> Work to complete
Which lines in the data contain the word "Spandrel"? Please copy each of them.

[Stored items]
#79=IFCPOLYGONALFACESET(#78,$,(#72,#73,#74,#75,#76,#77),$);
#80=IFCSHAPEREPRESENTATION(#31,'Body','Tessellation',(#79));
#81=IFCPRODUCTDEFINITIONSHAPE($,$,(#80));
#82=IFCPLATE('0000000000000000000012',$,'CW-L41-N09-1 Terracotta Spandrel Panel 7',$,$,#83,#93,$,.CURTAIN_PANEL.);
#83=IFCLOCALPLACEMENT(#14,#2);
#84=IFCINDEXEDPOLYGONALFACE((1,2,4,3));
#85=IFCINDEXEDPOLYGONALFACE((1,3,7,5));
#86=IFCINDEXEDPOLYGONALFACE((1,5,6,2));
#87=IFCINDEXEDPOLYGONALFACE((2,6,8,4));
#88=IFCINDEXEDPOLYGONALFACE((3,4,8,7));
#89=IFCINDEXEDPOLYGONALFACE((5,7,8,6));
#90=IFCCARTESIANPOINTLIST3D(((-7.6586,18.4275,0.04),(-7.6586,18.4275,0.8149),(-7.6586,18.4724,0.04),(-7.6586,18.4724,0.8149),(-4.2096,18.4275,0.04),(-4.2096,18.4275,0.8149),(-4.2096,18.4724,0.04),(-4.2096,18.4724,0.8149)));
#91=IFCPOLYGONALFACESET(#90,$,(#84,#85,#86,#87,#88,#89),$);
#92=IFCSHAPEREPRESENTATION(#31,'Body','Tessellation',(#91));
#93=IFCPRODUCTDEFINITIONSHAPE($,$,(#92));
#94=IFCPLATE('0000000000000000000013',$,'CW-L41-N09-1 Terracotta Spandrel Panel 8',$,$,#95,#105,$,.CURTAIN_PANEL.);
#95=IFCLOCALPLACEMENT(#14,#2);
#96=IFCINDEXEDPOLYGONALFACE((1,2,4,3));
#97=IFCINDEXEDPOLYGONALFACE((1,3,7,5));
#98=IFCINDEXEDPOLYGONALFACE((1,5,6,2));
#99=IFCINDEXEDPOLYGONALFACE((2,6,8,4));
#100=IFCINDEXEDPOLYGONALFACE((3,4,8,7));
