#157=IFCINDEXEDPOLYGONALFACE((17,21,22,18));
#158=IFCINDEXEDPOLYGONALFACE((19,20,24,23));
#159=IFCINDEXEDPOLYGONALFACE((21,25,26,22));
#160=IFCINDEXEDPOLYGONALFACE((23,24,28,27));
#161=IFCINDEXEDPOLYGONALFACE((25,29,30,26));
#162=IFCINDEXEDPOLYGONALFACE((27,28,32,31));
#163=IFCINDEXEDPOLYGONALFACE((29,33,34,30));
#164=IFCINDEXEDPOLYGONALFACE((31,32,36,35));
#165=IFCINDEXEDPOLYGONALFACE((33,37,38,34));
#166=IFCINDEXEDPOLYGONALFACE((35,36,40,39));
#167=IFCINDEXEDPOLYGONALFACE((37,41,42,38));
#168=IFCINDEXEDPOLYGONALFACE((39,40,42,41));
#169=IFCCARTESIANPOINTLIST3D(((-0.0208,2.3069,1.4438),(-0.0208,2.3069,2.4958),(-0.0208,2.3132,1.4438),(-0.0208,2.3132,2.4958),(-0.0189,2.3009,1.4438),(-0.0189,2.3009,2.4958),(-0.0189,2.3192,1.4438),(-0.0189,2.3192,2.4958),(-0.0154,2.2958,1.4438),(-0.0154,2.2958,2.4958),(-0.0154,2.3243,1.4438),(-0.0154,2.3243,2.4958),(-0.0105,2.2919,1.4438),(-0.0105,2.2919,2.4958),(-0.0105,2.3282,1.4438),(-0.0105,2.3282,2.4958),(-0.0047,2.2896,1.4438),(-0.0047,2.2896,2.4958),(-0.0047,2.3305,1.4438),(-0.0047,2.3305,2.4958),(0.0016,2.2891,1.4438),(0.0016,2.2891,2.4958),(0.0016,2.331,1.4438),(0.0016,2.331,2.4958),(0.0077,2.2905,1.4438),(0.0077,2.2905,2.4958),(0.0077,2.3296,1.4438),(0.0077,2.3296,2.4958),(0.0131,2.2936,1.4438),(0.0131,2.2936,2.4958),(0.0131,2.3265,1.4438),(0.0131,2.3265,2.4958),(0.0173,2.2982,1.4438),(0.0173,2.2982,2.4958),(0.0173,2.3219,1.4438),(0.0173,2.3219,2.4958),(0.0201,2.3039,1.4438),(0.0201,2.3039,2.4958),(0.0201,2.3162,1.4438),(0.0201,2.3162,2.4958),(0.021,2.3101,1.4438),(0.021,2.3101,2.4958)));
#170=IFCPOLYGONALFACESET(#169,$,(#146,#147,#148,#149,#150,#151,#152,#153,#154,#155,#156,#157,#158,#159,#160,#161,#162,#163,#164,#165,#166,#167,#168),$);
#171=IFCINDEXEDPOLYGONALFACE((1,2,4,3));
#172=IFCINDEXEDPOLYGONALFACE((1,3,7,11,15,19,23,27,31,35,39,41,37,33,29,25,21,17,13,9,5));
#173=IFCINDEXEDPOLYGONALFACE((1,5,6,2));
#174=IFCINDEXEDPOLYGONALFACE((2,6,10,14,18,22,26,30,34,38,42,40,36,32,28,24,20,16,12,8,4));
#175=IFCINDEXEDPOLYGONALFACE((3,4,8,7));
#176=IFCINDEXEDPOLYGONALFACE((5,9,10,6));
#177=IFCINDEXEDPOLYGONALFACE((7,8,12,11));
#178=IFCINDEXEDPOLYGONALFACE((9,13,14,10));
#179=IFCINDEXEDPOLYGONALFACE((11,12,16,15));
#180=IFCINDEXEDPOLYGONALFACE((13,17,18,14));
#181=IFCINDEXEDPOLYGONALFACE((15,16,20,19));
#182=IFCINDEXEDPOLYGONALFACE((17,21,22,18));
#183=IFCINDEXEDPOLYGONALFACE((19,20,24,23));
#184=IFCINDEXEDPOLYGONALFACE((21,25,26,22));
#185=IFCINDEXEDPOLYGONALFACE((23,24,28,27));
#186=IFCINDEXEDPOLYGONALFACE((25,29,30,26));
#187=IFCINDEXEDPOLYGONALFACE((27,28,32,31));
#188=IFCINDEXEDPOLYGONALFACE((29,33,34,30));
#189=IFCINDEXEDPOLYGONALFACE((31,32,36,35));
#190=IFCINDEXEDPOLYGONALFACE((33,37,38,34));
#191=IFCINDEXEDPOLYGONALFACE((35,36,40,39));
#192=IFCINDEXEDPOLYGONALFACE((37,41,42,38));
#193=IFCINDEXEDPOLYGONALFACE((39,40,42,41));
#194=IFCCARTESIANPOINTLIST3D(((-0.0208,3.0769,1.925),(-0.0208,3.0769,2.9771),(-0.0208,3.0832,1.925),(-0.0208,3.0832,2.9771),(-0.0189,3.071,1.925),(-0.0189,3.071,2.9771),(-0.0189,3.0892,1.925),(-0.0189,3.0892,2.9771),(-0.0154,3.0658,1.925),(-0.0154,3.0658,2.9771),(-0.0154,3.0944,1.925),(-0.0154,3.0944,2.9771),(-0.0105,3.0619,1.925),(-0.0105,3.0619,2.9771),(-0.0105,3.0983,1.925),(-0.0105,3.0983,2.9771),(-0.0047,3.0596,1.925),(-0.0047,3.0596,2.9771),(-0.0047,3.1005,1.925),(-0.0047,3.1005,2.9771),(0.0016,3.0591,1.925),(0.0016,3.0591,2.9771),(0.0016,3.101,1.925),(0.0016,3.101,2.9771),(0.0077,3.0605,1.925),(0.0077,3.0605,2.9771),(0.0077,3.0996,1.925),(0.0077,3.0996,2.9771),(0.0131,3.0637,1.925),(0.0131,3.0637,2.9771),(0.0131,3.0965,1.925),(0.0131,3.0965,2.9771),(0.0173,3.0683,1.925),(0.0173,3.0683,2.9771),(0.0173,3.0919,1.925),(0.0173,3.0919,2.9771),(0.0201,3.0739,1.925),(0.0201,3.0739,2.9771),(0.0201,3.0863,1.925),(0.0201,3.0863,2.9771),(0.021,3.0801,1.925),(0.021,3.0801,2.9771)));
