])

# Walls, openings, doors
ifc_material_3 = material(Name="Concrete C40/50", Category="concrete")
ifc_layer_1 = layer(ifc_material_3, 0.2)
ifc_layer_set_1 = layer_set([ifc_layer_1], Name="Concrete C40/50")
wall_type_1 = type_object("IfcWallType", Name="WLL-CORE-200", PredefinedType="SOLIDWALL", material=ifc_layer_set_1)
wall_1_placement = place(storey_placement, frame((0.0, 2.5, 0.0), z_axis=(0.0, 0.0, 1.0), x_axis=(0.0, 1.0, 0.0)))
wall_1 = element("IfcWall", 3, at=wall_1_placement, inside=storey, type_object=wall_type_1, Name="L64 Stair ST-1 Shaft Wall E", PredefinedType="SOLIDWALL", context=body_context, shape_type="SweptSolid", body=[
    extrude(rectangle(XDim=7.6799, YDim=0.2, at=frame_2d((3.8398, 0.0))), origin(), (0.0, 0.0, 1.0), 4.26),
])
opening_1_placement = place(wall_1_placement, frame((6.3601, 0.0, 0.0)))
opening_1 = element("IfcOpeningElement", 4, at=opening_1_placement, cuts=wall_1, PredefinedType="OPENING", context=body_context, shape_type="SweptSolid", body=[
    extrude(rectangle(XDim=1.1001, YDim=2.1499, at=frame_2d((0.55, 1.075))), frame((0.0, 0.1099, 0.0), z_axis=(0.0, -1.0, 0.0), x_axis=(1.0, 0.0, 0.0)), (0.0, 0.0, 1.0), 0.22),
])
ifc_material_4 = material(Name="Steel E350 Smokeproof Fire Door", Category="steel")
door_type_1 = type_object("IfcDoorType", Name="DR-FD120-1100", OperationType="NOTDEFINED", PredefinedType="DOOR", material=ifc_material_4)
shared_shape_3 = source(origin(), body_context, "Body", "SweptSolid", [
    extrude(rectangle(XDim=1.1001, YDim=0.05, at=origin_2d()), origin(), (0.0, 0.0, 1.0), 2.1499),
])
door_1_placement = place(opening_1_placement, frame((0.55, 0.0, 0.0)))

> Final answer
#82=IFCPLATE('0000000000000000000012',$,'CW-L41-N09-1 Terracotta Spandrel Panel 7',$,$,#83,#93,$,.CURTAIN_PANEL.);
#94=IFCPLATE('0000000000000000000013',$,'CW-L41-N09-1 Terracotta Spandrel Panel 8',$,$,#95,#105,$,.CURTAIN_PANEL.);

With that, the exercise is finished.